--- START ---
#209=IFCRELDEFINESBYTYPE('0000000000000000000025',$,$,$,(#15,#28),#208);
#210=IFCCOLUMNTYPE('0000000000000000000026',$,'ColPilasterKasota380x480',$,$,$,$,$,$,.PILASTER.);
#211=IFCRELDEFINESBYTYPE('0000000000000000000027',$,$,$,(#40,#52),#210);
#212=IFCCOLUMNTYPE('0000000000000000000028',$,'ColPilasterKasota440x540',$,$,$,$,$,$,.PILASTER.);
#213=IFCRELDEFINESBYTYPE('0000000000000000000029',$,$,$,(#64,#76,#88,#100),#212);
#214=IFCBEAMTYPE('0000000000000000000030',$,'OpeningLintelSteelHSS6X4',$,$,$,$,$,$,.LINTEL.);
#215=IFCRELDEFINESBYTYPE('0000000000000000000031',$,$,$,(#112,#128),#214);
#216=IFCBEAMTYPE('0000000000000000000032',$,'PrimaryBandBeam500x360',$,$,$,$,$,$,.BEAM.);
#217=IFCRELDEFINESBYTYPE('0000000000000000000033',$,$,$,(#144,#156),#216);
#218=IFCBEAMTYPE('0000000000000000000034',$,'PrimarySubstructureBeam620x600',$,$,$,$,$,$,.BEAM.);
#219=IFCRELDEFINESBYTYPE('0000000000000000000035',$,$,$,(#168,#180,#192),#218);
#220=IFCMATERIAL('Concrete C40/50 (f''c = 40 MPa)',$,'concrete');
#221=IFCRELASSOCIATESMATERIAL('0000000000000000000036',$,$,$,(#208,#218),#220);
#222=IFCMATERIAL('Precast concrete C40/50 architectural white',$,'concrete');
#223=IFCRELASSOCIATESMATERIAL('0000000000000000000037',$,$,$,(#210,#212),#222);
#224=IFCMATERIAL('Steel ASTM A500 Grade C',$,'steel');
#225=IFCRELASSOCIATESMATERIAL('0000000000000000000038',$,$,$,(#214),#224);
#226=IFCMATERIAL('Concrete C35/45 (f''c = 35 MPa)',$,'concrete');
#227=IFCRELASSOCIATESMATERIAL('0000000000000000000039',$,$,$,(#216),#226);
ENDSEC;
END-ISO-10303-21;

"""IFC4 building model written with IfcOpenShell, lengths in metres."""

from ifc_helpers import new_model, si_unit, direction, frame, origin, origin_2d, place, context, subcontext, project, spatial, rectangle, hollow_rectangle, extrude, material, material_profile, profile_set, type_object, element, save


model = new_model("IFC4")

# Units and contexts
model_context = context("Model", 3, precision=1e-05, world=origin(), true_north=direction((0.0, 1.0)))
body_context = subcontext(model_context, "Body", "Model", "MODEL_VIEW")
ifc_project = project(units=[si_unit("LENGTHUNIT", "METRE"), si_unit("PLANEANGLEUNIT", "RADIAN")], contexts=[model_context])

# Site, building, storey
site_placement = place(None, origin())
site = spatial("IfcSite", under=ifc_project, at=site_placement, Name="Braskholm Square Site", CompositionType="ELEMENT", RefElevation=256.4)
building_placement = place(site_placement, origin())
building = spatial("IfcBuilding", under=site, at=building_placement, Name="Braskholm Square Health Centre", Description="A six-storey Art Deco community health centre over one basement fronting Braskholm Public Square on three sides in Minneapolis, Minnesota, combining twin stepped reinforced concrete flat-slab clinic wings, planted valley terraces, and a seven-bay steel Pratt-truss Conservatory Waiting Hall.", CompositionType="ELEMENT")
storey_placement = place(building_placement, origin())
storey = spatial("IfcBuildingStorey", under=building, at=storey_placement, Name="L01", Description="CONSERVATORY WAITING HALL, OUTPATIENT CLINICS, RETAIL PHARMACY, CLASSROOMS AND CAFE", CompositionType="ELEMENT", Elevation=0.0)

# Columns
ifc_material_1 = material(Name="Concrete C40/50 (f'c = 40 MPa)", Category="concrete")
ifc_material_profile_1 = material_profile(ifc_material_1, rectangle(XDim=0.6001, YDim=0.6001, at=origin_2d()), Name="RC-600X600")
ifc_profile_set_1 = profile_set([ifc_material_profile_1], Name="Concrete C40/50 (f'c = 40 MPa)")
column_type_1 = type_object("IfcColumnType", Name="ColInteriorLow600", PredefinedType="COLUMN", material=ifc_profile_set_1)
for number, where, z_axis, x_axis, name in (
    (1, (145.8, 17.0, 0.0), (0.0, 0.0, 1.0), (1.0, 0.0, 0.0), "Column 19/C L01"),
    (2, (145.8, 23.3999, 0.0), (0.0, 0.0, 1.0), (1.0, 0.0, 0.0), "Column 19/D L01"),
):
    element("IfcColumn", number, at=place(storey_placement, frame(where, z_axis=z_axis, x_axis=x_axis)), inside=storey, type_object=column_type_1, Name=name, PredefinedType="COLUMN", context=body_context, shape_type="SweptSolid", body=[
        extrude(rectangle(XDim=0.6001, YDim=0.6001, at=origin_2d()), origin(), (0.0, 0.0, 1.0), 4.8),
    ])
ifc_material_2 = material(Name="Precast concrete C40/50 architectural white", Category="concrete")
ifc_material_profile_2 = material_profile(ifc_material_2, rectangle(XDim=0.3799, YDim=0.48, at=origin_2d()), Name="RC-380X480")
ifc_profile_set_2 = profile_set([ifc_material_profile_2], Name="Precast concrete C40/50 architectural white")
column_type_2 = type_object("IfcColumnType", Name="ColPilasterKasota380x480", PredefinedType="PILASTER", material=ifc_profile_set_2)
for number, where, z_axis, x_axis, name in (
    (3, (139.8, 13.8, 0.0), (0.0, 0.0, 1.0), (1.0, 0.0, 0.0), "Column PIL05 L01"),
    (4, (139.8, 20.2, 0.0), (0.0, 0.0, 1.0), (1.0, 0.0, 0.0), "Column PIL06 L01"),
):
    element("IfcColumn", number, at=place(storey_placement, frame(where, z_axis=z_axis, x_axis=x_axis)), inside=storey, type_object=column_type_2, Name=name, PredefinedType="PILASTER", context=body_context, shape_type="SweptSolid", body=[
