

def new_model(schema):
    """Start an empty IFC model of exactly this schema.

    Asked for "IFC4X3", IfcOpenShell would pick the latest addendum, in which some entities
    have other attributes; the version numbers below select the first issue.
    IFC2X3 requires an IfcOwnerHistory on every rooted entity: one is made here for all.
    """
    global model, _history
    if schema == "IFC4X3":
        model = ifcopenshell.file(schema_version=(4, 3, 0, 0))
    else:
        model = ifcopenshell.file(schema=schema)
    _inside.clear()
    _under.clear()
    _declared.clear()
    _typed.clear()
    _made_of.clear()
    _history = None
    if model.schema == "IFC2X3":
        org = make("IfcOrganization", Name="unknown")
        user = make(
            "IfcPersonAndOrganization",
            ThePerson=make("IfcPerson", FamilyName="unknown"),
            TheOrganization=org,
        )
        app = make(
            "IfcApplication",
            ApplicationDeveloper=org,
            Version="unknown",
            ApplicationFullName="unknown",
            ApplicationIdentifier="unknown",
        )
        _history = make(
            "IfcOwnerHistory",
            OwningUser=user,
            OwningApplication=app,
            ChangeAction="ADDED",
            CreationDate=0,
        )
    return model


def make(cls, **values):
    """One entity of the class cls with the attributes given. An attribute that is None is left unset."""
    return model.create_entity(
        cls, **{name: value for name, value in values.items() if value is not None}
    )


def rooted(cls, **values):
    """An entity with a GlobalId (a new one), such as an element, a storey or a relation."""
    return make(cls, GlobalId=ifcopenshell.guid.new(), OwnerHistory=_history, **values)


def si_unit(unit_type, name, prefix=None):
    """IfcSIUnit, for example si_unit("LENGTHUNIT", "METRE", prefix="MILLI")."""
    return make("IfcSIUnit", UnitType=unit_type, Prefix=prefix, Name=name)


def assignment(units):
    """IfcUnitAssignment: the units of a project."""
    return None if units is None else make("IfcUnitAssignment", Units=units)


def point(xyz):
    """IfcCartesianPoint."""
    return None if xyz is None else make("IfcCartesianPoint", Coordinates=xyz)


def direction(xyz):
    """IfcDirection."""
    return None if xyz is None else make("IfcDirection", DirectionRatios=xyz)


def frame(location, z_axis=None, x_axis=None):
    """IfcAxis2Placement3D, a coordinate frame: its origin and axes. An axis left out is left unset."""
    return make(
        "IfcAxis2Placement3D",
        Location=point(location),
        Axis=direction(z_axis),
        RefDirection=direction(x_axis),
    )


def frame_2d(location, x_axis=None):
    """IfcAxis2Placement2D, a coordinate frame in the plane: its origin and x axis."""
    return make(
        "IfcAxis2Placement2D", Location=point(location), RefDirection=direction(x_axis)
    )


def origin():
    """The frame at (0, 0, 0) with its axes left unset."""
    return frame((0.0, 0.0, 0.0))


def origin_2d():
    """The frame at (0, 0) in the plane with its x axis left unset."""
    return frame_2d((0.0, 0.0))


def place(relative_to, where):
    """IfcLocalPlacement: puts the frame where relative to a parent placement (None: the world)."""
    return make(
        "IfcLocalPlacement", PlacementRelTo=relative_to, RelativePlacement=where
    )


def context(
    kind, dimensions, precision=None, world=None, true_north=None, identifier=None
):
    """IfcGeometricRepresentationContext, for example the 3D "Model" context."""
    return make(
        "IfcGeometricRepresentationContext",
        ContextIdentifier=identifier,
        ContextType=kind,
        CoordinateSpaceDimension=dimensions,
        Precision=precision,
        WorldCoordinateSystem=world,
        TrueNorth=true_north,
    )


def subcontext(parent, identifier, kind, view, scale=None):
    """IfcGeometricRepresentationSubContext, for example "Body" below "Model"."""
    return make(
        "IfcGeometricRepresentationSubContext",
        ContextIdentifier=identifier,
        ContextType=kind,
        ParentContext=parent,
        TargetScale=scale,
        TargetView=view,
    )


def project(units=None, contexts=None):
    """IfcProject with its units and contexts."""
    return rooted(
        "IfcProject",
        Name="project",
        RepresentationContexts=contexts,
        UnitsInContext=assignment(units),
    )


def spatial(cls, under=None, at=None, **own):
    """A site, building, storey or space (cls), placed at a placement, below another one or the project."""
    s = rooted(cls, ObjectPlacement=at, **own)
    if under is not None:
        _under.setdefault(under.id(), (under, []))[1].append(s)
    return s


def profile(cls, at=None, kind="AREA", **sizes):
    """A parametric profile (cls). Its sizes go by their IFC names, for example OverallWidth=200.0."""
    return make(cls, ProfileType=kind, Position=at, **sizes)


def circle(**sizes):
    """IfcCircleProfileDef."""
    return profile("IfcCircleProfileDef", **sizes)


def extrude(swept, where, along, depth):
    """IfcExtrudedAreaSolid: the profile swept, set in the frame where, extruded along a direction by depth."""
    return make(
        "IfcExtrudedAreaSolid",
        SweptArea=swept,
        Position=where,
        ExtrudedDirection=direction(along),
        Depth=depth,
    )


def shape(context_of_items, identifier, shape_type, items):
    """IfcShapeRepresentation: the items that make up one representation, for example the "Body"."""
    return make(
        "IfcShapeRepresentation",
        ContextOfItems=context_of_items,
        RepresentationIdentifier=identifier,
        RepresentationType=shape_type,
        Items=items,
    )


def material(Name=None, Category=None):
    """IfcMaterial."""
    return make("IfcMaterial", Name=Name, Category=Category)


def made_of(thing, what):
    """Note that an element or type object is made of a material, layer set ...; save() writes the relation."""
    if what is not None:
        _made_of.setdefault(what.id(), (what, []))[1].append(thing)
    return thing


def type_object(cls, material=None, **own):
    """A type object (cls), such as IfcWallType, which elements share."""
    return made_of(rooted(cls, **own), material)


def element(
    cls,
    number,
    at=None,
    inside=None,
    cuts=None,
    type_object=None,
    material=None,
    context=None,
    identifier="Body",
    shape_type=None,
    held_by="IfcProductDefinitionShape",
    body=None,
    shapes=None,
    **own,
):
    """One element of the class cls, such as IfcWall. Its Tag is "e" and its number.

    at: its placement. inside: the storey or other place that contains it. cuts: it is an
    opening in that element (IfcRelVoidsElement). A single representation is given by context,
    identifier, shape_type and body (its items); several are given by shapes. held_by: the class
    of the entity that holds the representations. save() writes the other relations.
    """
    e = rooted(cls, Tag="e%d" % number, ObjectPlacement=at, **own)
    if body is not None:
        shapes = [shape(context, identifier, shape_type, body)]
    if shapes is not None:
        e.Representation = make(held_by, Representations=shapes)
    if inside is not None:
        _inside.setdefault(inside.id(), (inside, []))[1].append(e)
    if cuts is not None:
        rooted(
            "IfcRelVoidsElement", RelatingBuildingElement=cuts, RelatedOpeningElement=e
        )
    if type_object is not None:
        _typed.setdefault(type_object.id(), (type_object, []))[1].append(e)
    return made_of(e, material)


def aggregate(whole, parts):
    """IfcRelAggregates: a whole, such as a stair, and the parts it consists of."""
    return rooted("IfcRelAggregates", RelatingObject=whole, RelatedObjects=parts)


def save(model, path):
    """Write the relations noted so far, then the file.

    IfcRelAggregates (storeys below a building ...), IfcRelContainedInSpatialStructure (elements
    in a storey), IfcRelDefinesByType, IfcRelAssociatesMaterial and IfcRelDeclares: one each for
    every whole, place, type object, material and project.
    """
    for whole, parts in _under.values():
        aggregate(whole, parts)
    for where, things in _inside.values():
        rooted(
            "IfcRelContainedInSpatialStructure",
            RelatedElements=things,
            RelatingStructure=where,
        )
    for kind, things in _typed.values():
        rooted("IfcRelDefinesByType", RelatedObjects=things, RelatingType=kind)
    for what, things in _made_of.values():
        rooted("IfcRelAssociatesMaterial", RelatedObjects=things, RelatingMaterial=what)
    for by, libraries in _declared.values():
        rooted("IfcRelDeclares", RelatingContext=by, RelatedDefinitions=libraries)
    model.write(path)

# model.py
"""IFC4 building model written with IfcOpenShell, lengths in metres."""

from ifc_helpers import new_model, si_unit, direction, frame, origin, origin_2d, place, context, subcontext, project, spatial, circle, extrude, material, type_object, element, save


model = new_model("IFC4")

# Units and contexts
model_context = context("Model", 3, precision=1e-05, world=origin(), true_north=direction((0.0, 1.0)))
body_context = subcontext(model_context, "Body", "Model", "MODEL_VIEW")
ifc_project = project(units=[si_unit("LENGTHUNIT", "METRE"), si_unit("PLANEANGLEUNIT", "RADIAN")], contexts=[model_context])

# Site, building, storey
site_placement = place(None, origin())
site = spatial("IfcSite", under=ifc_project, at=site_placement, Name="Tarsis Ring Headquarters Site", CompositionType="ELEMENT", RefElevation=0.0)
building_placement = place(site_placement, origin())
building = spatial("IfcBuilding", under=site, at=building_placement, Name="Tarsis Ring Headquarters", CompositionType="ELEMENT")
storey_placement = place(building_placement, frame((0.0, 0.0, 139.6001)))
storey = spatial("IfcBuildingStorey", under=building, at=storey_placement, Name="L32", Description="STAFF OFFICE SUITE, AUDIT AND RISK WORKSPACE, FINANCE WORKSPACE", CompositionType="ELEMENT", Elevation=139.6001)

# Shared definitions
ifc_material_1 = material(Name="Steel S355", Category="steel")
--- END ---
→ Activity: Look through the data above. Copy every line with the string "IfcRelAggregates" in it.

→ Exercise output:
    """IfcRelAggregates: a whole, such as a stair, and the parts it consists of."""
    return rooted("IfcRelAggregates", RelatingObject=whole, RelatedObjects=parts)
    IfcRelAggregates (storeys below a building ...), IfcRelContainedInSpatialStructure (elements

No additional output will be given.